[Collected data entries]
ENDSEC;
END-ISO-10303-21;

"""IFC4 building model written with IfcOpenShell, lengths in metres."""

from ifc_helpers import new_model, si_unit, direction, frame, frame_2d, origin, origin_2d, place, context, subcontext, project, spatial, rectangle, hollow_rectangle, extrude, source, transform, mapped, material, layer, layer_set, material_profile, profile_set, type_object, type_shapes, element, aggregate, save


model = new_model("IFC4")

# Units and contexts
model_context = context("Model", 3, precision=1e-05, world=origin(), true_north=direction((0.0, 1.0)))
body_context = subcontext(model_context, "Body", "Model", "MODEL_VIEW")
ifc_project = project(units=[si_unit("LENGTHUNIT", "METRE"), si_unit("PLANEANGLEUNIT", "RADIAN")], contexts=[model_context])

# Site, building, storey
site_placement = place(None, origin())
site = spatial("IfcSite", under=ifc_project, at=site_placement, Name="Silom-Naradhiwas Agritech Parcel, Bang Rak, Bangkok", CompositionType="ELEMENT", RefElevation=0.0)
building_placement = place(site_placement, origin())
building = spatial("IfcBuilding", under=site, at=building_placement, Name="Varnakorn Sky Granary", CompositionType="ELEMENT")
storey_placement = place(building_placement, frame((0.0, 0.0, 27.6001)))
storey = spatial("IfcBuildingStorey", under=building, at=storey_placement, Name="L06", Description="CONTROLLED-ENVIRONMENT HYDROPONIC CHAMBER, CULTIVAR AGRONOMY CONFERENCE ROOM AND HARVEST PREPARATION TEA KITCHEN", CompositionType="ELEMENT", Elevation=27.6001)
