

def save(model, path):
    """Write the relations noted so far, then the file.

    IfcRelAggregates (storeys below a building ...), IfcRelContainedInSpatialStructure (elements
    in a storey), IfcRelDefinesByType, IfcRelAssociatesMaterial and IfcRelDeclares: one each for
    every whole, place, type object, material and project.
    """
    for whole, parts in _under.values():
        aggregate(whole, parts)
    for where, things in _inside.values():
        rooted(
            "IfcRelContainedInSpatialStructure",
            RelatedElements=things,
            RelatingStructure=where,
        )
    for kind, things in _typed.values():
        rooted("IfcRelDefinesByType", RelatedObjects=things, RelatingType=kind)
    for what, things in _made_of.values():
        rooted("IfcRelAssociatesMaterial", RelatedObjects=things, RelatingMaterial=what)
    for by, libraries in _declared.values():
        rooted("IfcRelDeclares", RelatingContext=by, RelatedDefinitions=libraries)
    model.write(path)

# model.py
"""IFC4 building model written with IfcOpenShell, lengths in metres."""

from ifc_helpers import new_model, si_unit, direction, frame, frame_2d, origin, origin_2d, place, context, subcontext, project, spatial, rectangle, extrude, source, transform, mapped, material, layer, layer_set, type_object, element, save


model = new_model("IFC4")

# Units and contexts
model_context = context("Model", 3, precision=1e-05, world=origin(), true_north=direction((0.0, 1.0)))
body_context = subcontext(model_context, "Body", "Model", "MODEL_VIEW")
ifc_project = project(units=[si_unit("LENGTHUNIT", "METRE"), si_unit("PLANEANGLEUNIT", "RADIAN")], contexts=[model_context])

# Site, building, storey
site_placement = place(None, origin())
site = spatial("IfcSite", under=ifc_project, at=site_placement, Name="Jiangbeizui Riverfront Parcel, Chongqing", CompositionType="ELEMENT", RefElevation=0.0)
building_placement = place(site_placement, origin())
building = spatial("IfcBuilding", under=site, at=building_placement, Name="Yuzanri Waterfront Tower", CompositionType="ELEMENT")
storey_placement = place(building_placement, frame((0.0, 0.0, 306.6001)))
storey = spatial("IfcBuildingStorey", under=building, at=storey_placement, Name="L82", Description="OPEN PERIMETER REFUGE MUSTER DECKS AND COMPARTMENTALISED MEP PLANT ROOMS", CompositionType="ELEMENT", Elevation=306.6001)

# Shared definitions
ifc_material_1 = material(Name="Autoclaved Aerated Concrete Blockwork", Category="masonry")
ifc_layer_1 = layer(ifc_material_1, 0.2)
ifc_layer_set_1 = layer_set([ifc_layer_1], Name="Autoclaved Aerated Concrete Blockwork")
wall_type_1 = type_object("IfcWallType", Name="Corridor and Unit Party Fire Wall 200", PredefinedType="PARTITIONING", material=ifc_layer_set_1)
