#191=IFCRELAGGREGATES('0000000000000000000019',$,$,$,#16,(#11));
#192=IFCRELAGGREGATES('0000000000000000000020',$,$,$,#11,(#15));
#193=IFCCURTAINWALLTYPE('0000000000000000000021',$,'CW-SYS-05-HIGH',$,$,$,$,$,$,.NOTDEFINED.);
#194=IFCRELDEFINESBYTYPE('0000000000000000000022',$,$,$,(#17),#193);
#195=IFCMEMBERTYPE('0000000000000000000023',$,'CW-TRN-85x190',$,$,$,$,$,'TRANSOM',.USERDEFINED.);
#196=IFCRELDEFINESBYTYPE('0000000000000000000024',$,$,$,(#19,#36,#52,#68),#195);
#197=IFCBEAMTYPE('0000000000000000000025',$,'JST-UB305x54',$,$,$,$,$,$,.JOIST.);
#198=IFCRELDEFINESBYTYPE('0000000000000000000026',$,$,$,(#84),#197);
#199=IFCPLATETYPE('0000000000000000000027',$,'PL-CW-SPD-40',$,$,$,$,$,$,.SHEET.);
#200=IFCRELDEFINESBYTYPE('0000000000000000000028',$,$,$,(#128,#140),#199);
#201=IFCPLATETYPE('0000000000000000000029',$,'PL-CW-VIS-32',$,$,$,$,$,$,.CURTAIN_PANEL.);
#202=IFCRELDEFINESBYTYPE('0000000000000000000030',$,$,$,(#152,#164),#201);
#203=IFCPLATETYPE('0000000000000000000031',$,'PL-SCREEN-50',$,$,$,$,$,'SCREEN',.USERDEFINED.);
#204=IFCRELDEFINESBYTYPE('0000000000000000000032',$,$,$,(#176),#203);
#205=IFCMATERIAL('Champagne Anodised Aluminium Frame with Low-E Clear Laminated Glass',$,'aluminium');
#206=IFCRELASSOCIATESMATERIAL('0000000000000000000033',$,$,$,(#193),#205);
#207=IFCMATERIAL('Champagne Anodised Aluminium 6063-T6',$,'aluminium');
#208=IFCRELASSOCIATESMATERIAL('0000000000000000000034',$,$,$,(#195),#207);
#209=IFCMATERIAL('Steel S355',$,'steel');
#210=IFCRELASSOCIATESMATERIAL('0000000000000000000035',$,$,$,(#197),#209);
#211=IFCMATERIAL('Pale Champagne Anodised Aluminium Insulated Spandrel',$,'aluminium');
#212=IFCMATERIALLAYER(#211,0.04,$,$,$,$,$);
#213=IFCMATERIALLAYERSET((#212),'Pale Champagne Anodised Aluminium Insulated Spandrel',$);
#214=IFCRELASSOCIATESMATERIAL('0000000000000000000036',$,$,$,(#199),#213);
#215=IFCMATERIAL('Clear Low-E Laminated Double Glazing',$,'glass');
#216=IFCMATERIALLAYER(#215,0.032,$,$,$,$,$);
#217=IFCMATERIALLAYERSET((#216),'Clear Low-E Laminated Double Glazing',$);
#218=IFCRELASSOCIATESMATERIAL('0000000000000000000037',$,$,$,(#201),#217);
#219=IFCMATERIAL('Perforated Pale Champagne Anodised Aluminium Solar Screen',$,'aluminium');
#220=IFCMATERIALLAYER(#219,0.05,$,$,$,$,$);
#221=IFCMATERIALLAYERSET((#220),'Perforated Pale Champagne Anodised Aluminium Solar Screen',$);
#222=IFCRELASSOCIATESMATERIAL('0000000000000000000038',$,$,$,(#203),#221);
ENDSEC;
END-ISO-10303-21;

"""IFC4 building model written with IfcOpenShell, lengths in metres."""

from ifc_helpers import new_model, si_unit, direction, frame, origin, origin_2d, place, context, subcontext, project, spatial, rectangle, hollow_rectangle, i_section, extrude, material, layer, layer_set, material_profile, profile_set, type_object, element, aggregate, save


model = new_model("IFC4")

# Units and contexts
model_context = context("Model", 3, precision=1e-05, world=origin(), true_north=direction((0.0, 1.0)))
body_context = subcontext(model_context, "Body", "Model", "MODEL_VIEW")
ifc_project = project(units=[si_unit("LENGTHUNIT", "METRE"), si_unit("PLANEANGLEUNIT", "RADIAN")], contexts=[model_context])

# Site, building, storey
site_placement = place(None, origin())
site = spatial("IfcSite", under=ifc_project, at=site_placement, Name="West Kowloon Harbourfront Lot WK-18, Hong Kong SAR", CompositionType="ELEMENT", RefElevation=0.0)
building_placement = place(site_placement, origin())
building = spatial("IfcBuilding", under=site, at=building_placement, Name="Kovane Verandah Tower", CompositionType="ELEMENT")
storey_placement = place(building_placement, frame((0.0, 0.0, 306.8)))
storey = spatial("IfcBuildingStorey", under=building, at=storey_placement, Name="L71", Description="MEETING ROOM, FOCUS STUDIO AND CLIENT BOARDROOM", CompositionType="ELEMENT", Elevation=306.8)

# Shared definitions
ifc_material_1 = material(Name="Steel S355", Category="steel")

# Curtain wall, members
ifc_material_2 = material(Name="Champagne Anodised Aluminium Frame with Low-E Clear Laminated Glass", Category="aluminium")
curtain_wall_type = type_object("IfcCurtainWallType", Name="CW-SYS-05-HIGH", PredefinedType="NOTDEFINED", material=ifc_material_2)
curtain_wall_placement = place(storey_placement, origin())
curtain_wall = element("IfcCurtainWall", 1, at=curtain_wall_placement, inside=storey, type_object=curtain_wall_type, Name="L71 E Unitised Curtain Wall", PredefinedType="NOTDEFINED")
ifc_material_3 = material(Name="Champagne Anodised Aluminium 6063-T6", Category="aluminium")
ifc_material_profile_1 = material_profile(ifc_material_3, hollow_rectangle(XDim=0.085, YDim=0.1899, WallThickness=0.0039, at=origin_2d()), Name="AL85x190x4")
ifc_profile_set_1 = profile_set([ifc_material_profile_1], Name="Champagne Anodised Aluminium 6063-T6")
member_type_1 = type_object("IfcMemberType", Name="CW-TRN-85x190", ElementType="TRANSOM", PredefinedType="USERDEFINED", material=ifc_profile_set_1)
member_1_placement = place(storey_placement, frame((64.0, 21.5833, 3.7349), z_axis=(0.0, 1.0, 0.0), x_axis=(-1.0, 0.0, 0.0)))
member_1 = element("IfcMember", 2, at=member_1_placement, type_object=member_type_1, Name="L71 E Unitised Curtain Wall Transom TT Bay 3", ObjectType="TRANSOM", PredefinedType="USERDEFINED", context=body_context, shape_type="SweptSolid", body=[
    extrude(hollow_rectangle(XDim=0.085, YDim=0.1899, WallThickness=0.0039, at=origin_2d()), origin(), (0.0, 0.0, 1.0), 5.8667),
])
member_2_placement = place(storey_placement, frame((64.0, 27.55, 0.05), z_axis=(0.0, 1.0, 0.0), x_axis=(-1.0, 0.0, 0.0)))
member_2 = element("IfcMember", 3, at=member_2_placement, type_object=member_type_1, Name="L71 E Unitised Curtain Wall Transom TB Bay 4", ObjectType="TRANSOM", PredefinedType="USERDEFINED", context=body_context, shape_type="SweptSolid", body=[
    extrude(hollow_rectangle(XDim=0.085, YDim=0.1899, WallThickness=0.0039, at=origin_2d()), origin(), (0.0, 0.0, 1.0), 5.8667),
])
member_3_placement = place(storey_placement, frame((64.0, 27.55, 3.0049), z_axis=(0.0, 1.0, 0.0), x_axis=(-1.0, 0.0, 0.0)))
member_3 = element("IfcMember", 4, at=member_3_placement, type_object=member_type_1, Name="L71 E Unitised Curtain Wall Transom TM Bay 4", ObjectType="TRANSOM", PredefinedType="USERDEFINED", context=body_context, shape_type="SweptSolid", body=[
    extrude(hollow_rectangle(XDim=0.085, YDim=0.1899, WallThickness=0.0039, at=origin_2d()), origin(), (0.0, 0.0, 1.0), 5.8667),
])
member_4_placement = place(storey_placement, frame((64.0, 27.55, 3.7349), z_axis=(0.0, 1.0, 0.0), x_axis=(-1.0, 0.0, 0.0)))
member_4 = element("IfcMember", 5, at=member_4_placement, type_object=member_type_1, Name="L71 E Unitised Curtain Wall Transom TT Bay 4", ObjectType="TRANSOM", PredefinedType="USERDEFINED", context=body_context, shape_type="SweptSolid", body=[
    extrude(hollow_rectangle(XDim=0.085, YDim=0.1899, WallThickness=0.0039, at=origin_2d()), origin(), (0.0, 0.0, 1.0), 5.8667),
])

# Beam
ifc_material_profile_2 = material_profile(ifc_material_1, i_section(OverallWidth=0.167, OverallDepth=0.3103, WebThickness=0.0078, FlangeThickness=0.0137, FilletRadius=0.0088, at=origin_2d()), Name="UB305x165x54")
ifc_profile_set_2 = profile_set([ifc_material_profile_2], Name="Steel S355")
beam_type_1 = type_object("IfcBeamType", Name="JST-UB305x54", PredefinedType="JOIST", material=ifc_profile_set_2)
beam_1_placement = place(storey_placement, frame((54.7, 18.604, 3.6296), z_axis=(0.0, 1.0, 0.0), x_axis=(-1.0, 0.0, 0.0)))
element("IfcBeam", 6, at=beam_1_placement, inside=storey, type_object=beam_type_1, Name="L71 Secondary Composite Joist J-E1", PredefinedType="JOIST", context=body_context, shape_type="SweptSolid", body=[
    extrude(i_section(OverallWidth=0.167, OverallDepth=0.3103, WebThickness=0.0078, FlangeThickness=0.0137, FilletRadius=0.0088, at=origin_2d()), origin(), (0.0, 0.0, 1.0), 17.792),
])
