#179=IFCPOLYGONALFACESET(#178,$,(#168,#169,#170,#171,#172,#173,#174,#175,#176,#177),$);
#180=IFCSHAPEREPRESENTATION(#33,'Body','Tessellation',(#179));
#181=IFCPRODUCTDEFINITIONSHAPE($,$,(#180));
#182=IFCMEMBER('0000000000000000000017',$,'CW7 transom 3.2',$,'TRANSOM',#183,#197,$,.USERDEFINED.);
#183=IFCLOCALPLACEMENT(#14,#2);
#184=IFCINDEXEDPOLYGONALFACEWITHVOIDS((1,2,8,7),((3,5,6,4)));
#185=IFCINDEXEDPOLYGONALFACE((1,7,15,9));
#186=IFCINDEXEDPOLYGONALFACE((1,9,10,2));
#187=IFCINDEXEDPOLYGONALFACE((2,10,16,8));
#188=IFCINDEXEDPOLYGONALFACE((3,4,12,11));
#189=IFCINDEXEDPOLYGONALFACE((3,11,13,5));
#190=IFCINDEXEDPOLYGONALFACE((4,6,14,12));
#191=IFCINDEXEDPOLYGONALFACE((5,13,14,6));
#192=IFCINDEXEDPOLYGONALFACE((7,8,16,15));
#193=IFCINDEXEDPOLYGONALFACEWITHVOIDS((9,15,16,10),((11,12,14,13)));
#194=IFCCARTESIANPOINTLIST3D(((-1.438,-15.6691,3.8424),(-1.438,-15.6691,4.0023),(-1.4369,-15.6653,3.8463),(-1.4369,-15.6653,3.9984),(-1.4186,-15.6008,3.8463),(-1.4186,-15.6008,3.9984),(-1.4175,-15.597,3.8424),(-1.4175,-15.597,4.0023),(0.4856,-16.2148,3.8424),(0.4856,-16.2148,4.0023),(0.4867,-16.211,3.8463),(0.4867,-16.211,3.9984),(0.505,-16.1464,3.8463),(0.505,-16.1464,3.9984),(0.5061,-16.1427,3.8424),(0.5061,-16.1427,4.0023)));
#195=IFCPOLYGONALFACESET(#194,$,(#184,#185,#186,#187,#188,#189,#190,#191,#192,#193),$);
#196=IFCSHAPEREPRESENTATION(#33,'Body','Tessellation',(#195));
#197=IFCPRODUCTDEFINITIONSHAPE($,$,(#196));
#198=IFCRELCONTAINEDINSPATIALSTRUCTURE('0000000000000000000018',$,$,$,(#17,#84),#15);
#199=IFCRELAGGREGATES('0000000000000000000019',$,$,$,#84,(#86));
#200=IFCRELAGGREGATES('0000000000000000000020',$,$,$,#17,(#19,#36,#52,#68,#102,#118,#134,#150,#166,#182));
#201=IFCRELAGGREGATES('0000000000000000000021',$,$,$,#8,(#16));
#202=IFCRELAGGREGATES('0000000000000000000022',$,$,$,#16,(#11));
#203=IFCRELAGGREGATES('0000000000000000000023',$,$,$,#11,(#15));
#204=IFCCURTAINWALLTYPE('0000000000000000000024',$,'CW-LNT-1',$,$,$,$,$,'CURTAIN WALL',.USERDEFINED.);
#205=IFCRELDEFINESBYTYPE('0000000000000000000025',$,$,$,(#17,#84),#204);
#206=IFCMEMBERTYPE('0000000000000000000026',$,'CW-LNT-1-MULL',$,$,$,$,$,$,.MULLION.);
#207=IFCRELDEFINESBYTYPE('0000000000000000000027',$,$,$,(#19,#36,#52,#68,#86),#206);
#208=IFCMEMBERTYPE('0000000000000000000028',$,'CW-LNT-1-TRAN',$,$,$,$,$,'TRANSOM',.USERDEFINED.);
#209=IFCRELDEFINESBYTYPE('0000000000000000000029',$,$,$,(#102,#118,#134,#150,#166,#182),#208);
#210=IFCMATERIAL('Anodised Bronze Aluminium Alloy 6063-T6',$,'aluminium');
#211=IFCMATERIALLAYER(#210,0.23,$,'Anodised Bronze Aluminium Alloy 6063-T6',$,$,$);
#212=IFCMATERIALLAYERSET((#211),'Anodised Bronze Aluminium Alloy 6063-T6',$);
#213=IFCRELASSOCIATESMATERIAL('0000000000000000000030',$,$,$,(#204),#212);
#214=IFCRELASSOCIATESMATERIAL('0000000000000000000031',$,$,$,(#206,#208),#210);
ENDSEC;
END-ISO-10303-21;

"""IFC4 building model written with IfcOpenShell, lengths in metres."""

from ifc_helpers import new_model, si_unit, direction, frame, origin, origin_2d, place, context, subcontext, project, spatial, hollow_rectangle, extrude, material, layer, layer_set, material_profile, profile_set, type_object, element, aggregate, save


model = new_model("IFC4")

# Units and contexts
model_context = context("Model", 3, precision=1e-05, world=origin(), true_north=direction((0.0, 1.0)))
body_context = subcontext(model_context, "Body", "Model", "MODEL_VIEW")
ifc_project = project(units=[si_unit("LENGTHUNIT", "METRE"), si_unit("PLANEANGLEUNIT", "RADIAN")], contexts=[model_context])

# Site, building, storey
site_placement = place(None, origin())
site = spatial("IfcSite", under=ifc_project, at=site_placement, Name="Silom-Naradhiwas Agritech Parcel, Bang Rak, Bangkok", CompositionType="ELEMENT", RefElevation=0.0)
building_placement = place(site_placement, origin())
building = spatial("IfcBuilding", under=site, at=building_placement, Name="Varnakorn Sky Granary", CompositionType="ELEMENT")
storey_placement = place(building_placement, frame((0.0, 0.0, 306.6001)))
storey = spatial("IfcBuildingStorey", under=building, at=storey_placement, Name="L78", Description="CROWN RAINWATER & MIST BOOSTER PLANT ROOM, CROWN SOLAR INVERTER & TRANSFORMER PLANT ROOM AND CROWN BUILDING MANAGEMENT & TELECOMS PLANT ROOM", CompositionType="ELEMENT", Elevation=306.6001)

> [ASSIGNMENT]:
What lines hold the string "libraries"? Pick them out of the data.

> [EXERCISE OUTPUT]:
    for by, libraries in _declared.values():
        rooted("IfcRelDeclares", RelatingContext=by, RelatedDefinitions=libraries)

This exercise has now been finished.